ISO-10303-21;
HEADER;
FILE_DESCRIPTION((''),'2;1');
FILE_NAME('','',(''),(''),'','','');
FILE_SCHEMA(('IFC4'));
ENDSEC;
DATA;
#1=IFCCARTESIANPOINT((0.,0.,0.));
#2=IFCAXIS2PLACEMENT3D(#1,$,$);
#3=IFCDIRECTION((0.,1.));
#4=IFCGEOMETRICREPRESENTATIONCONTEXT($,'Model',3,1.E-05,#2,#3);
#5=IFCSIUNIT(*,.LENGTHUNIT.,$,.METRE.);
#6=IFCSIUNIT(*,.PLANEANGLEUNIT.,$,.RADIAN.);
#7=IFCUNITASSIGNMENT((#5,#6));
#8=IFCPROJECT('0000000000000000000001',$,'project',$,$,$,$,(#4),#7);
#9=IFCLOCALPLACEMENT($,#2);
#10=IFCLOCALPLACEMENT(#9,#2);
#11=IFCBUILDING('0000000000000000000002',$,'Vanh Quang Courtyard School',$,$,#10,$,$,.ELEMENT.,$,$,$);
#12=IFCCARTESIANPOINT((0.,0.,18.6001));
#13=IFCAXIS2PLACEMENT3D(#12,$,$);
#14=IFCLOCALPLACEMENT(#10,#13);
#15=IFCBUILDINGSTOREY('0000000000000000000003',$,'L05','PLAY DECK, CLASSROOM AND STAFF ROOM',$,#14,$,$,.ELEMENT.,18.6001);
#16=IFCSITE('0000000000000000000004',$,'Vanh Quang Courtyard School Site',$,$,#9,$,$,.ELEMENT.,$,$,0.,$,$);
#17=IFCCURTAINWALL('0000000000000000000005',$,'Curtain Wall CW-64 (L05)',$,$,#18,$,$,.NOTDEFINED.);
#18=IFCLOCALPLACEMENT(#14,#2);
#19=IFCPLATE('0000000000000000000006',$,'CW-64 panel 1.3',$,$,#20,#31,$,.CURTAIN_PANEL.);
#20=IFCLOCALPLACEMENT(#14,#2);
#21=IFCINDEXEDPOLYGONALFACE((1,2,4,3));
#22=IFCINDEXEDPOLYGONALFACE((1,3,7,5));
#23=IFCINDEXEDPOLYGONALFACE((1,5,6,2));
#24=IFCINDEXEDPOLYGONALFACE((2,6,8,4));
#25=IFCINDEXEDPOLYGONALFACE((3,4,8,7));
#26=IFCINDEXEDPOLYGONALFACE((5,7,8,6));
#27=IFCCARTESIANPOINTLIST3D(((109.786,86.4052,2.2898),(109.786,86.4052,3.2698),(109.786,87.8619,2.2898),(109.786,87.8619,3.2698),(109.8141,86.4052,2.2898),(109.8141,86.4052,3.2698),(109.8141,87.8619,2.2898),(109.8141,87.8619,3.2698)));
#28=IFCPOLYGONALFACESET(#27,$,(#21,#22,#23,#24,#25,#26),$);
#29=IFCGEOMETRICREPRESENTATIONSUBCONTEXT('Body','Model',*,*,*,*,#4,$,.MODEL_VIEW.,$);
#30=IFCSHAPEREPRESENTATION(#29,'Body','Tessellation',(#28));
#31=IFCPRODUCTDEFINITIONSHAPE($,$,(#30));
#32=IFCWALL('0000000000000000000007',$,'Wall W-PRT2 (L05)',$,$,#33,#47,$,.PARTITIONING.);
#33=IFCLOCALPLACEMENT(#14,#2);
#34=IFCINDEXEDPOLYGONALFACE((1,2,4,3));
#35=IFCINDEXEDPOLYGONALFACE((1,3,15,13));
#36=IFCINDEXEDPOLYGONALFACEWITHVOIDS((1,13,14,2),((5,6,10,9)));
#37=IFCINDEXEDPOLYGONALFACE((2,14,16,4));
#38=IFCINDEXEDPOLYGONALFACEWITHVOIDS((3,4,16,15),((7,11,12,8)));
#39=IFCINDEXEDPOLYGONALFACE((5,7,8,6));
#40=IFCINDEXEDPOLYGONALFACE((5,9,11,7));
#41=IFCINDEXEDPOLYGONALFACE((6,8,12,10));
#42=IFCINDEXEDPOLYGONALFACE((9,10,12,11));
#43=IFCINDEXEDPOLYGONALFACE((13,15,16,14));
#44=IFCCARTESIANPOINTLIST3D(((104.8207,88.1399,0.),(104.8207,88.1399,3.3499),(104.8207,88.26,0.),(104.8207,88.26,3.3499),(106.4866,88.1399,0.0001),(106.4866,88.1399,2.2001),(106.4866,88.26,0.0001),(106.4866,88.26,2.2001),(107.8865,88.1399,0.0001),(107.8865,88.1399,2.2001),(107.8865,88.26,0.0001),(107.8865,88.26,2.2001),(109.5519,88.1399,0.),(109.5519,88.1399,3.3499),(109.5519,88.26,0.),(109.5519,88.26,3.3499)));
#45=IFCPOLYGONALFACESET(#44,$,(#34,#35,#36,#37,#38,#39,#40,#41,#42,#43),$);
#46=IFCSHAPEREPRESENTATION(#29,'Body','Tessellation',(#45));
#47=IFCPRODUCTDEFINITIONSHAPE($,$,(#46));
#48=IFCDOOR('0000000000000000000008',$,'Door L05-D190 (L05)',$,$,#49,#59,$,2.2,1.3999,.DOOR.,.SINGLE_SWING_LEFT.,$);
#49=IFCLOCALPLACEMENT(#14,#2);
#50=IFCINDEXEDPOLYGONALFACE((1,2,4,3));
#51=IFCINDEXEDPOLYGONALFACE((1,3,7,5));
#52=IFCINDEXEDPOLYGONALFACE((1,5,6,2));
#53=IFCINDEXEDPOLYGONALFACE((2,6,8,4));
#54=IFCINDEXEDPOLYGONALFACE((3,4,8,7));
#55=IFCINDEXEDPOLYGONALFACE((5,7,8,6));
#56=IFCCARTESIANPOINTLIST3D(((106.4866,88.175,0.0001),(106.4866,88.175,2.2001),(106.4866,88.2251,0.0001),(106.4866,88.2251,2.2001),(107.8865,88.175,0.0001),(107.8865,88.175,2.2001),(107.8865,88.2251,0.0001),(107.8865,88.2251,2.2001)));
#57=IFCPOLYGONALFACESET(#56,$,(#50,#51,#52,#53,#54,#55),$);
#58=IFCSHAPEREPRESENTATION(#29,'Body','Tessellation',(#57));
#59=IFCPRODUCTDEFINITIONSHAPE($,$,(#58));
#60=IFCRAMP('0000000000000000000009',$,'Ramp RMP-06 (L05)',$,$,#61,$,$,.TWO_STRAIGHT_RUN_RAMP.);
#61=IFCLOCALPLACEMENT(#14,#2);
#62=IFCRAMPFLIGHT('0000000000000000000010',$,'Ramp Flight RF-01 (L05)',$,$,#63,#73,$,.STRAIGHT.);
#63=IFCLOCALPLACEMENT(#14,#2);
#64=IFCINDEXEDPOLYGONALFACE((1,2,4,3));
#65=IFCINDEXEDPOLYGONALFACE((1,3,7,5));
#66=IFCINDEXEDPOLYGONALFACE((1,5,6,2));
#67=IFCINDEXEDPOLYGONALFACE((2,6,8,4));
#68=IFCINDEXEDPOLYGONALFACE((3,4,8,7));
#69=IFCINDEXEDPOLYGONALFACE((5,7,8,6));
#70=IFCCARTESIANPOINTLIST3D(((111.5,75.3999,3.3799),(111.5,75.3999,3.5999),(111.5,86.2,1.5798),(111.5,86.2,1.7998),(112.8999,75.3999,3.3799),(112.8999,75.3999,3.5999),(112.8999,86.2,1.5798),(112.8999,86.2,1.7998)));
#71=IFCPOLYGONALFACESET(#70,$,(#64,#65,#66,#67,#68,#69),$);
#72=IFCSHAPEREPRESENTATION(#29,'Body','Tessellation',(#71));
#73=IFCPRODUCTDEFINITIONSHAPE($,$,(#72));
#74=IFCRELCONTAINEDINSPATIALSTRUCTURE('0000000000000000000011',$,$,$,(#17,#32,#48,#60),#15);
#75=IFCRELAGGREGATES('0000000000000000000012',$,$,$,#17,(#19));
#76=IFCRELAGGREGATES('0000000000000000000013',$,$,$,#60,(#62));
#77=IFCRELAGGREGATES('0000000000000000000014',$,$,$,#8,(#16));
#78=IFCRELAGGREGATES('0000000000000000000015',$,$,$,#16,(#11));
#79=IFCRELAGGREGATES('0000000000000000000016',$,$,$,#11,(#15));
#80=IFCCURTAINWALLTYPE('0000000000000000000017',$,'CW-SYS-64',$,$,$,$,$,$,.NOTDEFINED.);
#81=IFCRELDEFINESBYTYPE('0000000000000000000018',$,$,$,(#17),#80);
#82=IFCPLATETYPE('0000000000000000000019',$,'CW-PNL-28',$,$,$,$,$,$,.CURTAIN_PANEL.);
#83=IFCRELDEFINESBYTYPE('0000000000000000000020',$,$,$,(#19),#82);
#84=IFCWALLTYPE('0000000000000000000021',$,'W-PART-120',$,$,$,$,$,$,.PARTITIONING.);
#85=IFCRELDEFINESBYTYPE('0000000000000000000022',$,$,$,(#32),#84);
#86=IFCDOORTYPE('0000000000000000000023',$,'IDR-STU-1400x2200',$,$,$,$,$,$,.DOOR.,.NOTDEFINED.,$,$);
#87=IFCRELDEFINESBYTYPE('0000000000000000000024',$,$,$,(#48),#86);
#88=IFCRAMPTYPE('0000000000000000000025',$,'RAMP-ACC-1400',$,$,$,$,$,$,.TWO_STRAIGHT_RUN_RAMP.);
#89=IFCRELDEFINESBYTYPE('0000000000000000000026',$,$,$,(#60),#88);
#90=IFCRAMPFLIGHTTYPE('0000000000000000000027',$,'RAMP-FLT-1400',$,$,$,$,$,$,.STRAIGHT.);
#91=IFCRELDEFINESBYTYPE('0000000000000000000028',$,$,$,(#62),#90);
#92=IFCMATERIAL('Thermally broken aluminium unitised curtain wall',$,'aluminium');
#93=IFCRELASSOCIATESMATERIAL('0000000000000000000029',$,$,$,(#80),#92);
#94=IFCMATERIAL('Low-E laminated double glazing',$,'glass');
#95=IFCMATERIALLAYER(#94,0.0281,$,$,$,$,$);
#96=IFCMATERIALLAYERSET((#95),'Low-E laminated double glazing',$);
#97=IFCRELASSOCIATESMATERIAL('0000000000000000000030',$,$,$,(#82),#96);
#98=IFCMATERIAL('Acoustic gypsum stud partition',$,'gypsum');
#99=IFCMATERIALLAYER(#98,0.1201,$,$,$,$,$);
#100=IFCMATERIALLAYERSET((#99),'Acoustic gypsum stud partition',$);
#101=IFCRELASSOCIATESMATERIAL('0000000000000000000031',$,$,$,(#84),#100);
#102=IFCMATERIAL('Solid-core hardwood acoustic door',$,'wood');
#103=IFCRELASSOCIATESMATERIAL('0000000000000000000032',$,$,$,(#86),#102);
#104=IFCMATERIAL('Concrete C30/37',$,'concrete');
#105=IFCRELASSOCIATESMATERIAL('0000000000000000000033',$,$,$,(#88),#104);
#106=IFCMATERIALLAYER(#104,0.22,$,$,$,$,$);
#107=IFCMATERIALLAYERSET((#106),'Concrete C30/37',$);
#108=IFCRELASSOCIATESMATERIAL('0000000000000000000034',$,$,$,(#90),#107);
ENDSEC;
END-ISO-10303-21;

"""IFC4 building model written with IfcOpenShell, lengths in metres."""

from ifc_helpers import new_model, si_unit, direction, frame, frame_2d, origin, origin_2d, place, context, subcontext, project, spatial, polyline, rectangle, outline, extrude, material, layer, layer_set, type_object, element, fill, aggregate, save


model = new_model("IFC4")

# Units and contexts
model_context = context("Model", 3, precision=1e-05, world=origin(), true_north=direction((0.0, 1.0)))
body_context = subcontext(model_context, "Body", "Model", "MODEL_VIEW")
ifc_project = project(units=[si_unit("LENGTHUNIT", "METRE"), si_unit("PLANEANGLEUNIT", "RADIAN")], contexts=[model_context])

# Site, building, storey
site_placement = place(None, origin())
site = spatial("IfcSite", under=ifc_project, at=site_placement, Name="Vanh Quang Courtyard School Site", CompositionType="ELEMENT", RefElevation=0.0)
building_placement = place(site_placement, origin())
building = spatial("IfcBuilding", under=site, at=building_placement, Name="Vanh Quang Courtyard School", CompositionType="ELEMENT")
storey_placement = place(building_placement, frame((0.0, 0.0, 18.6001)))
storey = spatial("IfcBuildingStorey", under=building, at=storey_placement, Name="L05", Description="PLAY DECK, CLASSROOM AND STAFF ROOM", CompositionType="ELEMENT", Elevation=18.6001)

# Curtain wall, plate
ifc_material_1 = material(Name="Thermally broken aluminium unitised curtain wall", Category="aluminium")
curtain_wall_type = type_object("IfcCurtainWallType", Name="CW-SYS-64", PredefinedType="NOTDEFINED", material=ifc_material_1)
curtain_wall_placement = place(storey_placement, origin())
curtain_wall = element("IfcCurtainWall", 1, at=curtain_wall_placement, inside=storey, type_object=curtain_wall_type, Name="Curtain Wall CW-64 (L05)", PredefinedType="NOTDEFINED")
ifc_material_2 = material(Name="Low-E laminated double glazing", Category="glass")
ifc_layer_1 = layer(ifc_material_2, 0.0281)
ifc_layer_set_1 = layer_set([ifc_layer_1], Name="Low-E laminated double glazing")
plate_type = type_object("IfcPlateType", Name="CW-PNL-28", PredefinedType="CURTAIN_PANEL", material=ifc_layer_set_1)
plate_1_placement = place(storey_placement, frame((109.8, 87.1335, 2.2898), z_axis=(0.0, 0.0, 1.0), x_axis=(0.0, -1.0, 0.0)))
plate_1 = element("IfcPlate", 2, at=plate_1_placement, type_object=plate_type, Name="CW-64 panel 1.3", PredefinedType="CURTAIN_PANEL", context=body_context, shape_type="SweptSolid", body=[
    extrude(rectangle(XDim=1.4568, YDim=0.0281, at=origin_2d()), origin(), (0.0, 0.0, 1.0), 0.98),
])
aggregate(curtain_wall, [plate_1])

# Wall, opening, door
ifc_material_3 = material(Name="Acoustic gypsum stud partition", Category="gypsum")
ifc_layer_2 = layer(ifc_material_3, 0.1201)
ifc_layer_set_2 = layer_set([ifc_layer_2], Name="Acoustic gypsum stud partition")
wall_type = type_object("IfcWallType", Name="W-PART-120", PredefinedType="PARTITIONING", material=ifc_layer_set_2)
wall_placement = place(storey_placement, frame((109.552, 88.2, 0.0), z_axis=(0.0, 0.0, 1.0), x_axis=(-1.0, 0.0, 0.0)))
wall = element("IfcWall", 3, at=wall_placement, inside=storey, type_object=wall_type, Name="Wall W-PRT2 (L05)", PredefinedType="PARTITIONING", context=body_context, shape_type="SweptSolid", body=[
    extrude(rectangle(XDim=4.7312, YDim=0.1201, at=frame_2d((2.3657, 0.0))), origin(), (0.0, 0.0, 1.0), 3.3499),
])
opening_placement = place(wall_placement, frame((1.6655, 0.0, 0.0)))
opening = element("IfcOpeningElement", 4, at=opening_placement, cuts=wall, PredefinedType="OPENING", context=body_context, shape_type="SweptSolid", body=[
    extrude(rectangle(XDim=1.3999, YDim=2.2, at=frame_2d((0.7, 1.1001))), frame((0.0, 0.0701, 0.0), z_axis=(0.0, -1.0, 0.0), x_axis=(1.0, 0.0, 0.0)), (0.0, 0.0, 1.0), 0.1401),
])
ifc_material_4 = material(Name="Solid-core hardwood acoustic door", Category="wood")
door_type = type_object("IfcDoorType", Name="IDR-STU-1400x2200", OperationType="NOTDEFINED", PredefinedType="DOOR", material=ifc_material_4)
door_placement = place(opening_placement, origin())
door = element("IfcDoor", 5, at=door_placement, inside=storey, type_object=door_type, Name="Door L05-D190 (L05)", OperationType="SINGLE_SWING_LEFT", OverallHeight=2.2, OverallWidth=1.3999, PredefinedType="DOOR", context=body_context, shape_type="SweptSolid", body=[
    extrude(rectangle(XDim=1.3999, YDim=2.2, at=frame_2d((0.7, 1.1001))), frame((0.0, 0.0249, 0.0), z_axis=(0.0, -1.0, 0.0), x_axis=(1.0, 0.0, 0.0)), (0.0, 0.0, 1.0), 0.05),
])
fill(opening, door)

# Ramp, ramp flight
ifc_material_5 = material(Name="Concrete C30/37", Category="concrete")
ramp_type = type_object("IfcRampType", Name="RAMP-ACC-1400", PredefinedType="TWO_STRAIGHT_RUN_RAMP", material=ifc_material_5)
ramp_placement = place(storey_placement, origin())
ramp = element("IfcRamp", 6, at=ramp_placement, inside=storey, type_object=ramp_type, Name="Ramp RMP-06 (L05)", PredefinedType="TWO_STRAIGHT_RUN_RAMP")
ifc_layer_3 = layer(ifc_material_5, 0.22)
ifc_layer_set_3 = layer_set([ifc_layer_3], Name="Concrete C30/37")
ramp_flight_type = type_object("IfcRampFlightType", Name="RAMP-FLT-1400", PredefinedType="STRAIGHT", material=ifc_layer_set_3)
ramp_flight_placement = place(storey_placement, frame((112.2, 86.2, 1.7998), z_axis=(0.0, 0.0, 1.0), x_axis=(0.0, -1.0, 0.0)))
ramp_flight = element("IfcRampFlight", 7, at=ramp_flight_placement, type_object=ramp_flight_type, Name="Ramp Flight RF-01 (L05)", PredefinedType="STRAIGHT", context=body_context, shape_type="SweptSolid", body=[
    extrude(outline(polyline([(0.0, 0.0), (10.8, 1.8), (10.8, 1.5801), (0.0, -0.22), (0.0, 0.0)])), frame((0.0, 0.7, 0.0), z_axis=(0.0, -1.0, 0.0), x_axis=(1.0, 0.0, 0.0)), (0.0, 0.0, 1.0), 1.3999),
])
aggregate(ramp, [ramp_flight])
━━━━━━━━━━━━━━━━
## WORK INSTRUCTION:
Gather every line from the listing above in which the word "IFCLOCALPLACEMENT" appears.

## ANSWER:
#9=IFCLOCALPLACEMENT($,#2);
#10=IFCLOCALPLACEMENT(#9,#2);
#14=IFCLOCALPLACEMENT(#10,#13);
#18=IFCLOCALPLACEMENT(#14,#2);
#20=IFCLOCALPLACEMENT(#14,#2);
#33=IFCLOCALPLACEMENT(#14,#2);
#49=IFCLOCALPLACEMENT(#14,#2);
#61=IFCLOCALPLACEMENT(#14,#2);
#63=IFCLOCALPLACEMENT(#14,#2);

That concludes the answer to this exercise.